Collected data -
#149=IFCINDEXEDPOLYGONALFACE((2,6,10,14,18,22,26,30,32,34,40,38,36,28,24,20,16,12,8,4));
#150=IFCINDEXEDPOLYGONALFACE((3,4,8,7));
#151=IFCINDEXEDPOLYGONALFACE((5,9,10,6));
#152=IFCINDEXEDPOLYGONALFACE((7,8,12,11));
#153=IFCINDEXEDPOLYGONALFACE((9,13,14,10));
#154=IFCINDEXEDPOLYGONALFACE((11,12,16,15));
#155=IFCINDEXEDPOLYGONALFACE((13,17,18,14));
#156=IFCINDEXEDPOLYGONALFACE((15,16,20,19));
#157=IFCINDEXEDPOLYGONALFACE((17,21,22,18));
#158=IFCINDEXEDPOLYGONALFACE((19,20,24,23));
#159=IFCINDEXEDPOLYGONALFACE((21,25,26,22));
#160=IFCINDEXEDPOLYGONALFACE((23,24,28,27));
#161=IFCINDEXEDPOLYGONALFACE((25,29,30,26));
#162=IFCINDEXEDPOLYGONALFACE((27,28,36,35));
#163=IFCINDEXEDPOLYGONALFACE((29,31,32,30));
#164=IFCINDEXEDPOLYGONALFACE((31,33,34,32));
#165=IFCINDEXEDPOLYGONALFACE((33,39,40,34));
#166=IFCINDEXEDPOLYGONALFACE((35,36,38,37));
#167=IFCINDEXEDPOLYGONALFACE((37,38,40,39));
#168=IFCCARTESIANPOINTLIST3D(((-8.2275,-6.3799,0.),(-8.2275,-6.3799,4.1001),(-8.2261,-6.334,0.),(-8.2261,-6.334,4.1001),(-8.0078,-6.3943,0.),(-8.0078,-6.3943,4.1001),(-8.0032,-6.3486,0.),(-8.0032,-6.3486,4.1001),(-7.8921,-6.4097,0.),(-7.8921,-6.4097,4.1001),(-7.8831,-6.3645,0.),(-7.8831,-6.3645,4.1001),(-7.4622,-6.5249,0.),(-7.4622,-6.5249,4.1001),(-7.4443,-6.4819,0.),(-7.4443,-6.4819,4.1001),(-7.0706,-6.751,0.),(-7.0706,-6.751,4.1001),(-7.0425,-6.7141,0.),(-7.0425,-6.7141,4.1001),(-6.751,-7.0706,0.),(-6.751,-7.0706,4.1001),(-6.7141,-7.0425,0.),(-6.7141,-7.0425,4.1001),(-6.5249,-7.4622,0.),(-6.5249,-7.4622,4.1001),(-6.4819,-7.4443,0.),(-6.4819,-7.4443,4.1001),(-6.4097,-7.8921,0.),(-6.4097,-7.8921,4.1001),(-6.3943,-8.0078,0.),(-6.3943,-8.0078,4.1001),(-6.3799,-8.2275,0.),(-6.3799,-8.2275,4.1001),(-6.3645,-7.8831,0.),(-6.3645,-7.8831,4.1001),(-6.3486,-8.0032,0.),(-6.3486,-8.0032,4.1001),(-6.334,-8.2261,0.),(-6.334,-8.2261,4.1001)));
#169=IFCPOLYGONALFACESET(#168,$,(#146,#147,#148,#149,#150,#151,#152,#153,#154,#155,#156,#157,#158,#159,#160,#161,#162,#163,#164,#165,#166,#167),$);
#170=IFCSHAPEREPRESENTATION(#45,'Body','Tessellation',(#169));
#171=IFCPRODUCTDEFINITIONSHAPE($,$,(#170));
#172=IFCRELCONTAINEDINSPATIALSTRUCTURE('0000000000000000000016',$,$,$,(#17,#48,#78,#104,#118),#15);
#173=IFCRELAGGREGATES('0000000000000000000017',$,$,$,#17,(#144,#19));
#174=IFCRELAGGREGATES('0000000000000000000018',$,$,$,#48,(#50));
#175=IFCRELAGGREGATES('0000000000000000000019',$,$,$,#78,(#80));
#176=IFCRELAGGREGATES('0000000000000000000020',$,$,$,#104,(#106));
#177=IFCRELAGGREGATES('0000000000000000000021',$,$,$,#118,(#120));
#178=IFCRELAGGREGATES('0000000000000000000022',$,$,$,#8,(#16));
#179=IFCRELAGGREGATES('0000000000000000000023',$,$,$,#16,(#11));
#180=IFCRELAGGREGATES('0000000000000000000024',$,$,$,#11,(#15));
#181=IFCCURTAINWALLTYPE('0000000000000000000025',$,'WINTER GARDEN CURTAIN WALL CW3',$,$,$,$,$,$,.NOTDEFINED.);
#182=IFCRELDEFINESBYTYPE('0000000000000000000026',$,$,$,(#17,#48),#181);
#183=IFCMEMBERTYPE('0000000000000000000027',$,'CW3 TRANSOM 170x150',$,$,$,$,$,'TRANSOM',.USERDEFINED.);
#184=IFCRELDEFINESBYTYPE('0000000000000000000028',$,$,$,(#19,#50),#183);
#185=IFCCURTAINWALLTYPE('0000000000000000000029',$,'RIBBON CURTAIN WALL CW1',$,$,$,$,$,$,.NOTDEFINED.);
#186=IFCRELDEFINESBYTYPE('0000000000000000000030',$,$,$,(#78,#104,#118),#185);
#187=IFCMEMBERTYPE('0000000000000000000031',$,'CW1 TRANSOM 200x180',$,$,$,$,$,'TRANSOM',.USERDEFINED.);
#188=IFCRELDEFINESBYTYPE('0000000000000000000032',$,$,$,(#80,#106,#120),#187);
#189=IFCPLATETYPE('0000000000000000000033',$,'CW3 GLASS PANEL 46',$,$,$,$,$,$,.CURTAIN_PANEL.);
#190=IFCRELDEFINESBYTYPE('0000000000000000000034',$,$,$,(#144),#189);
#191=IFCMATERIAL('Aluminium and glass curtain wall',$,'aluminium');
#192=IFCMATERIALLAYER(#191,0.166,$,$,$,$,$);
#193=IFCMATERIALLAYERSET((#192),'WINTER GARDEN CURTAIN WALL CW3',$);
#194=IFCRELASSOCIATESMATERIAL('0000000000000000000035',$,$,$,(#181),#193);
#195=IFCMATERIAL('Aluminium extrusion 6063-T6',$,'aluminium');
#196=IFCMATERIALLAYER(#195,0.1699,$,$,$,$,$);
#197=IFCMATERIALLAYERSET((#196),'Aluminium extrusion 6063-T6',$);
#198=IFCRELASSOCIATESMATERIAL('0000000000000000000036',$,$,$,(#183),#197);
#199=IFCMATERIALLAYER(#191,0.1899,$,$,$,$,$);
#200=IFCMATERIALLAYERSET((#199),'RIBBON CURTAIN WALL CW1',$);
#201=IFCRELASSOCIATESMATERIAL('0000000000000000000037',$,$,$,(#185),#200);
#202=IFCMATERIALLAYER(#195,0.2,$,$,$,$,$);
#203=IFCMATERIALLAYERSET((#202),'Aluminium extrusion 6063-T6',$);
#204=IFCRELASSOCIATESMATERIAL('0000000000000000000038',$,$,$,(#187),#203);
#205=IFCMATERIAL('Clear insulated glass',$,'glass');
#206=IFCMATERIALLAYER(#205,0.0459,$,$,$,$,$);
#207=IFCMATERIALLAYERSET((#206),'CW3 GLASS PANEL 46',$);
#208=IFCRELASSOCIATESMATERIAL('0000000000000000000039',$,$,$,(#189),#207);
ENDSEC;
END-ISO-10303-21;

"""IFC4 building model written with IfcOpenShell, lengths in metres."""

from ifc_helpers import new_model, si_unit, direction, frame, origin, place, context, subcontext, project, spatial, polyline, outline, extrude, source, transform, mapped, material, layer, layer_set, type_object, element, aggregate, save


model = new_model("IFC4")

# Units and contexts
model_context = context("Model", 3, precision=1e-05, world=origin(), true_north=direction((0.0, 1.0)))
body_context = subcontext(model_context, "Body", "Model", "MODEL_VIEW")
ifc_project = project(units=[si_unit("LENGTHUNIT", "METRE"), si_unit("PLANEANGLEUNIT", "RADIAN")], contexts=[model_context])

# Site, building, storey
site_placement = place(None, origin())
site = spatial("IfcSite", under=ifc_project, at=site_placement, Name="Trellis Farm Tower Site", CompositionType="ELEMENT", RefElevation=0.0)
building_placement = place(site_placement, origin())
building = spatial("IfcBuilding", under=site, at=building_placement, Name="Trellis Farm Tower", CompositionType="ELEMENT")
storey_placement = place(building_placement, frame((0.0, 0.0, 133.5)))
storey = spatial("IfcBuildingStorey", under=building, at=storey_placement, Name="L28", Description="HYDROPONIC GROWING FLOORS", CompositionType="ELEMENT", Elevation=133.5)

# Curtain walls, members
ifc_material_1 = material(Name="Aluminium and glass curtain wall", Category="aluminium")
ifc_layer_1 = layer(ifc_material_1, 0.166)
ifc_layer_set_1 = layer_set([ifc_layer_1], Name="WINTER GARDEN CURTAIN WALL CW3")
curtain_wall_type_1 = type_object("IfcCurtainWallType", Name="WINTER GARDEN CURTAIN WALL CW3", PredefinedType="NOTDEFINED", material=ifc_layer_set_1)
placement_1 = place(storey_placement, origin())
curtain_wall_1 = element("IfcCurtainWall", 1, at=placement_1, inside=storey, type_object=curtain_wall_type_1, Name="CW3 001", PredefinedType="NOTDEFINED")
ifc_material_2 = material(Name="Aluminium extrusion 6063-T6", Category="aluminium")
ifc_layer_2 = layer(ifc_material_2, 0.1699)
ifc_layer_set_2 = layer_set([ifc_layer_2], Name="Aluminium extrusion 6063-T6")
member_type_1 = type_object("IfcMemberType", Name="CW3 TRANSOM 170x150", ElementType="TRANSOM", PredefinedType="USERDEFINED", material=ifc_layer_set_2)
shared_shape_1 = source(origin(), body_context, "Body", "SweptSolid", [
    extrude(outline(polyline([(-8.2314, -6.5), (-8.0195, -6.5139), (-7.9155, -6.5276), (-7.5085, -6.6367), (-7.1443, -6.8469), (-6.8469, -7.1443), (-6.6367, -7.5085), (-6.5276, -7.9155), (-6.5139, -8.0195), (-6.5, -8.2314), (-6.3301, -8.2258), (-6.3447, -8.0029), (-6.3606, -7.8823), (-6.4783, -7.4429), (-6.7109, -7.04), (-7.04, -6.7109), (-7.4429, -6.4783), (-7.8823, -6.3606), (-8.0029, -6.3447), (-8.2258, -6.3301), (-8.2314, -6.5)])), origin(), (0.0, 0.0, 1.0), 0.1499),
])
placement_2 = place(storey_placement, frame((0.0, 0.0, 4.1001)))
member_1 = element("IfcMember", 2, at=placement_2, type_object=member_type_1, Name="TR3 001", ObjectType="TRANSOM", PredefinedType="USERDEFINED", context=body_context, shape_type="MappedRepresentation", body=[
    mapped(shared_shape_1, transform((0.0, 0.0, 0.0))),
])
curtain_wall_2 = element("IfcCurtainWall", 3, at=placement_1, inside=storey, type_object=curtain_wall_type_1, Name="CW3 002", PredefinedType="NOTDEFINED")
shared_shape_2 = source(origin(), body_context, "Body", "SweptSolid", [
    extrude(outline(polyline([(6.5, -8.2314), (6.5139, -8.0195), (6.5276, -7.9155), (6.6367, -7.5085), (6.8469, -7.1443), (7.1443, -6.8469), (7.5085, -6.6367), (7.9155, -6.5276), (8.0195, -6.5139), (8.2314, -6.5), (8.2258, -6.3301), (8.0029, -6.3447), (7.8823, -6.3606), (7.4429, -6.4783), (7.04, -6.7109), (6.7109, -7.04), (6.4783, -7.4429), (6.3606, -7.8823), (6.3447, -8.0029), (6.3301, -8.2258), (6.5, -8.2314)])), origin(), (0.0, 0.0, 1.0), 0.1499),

TASK TO CARRY OUT -
List all lines above in which the string "direction" appears.

TASK OUTPUT -
from ifc_helpers import new_model, si_unit, direction, frame, origin, place, context, subcontext, project, spatial, polyline, outline, extrude, source, transform, mapped, material, layer, layer_set, type_object, element, aggregate, save
model_context = context("Model", 3, precision=1e-05, world=origin(), true_north=direction((0.0, 1.0)))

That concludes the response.